Your answer should be the lines below from the one with "END-ISO-10303-21;" to the one with "building_placement = place(site_placement, origin())", both included, given again exactly and with nothing added.

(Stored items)
== Segment start ==

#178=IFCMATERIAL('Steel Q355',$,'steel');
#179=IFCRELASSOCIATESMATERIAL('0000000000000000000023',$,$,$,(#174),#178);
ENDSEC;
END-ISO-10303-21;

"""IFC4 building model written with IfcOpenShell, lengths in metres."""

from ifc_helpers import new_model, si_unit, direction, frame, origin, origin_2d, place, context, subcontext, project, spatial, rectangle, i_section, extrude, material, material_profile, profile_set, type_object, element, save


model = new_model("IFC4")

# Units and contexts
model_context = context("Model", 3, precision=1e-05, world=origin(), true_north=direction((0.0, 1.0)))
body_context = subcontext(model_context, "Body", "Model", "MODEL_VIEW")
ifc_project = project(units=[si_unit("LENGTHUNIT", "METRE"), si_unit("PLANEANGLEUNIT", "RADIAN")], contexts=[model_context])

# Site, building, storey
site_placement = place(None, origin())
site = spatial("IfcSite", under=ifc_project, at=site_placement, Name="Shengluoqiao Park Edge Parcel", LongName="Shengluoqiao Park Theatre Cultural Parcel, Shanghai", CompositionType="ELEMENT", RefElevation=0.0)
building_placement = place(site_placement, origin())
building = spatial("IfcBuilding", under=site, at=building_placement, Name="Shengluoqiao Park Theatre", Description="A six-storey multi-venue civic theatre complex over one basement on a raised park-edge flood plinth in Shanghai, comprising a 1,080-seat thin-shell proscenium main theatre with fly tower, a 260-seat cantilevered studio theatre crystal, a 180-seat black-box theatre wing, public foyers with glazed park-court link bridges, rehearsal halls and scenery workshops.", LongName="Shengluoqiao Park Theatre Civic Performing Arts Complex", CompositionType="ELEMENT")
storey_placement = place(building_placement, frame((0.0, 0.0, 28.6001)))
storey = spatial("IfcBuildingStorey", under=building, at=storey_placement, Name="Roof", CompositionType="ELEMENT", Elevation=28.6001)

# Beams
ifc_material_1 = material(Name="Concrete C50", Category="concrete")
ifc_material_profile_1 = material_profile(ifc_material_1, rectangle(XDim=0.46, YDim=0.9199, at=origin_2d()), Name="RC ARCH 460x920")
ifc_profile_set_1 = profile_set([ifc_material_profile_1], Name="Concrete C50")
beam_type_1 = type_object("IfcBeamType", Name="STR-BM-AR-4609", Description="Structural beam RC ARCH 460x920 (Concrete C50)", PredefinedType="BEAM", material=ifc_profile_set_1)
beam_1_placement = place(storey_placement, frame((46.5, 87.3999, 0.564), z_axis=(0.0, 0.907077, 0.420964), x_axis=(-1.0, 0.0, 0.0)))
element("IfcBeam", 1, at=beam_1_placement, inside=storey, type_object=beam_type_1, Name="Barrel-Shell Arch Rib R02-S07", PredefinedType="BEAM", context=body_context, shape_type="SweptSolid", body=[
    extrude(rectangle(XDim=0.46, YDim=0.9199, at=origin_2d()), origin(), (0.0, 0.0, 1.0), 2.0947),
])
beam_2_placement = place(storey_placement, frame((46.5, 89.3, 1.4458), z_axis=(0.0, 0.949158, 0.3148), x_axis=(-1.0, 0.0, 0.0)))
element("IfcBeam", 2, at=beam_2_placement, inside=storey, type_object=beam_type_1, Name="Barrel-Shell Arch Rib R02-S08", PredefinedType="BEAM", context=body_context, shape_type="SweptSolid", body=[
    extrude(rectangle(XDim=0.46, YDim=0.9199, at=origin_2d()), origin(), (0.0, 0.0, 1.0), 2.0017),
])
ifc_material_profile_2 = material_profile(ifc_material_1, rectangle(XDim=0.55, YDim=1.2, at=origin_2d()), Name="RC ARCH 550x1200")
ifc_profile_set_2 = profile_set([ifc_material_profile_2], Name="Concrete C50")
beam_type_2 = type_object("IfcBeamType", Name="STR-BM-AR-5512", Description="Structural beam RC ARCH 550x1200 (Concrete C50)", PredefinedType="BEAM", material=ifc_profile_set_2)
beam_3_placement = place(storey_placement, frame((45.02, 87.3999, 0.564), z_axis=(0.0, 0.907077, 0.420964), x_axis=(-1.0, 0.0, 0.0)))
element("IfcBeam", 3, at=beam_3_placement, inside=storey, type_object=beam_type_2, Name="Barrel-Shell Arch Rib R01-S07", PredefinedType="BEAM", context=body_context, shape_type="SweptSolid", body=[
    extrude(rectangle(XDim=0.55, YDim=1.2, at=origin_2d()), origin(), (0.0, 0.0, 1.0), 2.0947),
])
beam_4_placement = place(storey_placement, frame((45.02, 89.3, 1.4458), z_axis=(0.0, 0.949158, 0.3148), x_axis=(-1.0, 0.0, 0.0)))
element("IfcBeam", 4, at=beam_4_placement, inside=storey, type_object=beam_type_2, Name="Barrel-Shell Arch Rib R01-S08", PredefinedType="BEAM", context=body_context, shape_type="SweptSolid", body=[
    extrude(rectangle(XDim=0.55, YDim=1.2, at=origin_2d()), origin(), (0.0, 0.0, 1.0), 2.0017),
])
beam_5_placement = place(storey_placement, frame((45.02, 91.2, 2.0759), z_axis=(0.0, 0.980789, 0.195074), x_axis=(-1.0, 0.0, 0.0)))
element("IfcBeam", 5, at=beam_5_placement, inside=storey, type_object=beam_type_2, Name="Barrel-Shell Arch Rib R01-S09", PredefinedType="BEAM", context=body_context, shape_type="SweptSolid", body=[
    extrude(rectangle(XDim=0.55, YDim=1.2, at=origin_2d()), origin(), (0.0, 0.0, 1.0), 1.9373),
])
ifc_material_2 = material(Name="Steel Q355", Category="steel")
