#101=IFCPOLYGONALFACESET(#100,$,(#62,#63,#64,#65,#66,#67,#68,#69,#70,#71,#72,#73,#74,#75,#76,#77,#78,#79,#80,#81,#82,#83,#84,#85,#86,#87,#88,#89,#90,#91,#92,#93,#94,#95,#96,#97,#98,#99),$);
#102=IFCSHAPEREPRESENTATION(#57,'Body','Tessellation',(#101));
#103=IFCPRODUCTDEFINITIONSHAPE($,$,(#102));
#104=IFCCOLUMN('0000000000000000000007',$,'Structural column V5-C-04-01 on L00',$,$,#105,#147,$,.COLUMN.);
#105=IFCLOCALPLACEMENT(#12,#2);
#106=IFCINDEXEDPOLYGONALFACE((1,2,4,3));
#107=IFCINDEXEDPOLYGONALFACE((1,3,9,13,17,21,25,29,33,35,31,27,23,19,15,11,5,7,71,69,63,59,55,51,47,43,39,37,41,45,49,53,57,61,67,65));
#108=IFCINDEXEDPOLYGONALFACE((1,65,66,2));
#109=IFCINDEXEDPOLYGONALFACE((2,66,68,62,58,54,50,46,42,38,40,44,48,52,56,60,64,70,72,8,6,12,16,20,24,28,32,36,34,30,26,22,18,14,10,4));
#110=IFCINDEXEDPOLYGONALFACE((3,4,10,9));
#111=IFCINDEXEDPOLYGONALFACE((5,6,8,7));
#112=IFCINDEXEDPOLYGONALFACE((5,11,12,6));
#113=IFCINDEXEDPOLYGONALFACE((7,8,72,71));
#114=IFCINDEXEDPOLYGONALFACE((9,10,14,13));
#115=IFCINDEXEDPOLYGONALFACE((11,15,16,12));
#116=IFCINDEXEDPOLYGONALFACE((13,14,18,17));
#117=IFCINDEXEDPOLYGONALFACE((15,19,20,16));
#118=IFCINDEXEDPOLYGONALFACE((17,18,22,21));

== Segment end ==

> Response:
END-ISO-10303-21;

"""IFC4 building model written with IfcOpenShell, lengths in metres."""

from ifc_helpers import new_model, si_unit, direction, frame, origin, origin_2d, place, context, subcontext, project, spatial, rectangle, i_section, extrude, material, material_profile, profile_set, type_object, element, save


model = new_model("IFC4")

# Units and contexts
model_context = context("Model", 3, precision=1e-05, world=origin(), true_north=direction((0.0, 1.0)))
body_context = subcontext(model_context, "Body", "Model", "MODEL_VIEW")
ifc_project = project(units=[si_unit("LENGTHUNIT", "METRE"), si_unit("PLANEANGLEUNIT", "RADIAN")], contexts=[model_context])

# Site, building, storey
site_placement = place(None, origin())
site = spatial("IfcSite", under=ifc_project, at=site_placement, Name="Shengluoqiao Park Edge Parcel", LongName="Shengluoqiao Park Theatre Cultural Parcel, Shanghai", CompositionType="ELEMENT", RefElevation=0.0)
building_placement = place(site_placement, origin())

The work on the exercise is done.